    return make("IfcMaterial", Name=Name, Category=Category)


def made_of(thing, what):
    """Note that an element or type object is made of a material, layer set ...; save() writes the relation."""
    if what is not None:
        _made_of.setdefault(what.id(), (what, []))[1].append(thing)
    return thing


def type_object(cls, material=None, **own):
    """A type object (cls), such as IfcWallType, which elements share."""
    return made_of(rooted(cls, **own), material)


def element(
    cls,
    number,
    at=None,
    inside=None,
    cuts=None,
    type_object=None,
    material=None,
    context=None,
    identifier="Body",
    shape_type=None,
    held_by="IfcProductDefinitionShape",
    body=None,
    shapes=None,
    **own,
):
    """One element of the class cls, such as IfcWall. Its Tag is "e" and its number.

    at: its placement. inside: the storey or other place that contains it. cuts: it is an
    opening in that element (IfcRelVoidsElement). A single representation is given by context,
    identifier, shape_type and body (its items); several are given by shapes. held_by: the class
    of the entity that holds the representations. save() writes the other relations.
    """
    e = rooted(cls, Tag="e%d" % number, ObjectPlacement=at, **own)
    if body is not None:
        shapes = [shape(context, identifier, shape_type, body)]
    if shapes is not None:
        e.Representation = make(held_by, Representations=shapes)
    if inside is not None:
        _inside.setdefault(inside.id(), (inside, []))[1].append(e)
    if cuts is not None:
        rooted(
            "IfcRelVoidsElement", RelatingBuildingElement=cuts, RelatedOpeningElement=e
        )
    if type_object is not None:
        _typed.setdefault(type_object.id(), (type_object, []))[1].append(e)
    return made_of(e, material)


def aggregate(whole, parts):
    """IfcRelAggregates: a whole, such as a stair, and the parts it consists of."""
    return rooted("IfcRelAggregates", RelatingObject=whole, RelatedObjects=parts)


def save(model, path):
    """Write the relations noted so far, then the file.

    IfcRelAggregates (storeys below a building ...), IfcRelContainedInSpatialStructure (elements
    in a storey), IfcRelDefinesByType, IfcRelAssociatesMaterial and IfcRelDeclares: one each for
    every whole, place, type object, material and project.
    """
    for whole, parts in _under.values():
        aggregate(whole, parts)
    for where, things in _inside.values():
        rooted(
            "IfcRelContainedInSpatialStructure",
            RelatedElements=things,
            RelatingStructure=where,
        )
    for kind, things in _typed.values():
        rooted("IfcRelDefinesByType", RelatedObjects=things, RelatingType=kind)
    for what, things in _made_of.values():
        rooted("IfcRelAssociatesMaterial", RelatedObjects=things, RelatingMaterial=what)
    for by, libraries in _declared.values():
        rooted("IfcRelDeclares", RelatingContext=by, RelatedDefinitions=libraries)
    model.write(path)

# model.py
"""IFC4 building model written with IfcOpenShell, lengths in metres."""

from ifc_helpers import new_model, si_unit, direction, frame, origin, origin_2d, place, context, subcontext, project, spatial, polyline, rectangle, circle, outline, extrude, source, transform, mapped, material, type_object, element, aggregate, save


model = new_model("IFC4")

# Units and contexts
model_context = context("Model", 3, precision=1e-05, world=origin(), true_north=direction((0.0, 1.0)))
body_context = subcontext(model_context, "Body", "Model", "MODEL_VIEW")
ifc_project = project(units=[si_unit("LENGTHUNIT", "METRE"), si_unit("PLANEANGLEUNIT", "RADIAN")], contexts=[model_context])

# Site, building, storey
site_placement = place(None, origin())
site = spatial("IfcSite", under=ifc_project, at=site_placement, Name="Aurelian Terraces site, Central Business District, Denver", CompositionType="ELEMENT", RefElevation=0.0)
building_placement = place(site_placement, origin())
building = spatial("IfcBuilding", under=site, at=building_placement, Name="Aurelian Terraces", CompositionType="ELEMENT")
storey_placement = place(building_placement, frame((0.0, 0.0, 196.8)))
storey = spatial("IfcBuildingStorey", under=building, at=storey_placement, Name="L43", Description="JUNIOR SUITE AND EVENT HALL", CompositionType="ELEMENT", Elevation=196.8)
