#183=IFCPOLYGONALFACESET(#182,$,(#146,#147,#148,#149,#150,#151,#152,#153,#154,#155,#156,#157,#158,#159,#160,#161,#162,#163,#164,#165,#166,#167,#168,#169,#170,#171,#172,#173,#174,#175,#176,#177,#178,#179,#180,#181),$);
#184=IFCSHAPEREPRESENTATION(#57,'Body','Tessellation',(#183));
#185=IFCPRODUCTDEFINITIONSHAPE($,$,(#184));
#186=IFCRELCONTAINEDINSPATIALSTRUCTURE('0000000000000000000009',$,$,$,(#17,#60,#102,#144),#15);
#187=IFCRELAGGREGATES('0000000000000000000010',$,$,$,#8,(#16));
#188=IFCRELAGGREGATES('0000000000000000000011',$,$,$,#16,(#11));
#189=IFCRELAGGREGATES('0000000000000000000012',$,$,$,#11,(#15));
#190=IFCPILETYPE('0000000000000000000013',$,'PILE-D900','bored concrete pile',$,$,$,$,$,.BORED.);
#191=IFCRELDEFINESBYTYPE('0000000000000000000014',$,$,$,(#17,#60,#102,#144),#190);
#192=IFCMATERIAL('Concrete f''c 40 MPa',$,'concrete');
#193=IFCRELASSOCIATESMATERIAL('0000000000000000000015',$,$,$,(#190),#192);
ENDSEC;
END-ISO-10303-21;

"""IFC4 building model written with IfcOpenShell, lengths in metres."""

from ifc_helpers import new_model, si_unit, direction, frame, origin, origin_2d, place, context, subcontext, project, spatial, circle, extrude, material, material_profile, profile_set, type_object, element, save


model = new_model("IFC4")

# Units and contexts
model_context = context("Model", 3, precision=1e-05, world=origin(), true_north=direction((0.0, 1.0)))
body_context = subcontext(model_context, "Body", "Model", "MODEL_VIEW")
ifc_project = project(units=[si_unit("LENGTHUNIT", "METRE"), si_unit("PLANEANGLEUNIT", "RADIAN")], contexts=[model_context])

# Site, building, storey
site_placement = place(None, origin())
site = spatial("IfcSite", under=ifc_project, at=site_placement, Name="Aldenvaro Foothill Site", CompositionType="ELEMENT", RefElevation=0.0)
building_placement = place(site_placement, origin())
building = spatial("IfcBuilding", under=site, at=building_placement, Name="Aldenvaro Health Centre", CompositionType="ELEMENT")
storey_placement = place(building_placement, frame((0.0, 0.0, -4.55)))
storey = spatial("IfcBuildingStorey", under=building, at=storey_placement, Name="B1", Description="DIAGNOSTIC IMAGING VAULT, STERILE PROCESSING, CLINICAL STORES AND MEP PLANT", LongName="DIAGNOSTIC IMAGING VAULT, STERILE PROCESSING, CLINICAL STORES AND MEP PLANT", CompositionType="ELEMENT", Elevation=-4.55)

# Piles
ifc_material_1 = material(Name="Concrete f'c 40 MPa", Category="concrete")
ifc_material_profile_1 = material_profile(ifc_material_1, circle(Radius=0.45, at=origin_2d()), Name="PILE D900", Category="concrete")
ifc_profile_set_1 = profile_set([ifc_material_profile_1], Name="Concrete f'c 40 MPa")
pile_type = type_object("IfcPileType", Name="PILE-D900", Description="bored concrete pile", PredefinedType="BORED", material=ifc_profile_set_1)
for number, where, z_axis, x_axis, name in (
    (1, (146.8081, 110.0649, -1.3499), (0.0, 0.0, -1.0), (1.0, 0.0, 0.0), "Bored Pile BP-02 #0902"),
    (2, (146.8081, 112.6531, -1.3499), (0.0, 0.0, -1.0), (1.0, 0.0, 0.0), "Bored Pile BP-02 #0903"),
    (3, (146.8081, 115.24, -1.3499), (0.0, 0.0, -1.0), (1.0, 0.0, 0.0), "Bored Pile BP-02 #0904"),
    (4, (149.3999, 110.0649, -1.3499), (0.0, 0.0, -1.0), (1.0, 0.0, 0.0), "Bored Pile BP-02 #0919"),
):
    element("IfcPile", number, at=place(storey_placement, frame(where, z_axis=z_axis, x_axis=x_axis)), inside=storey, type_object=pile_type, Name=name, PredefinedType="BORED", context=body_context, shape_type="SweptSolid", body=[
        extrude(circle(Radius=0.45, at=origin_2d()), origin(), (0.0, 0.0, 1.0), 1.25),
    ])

▶ Work instruction
Every line holding the word "other" should be copied out of the material.

▶ Result below
    at: its placement. inside: the storey or other place that contains it. cuts: it is an
    of the entity that holds the representations. save() writes the other relations.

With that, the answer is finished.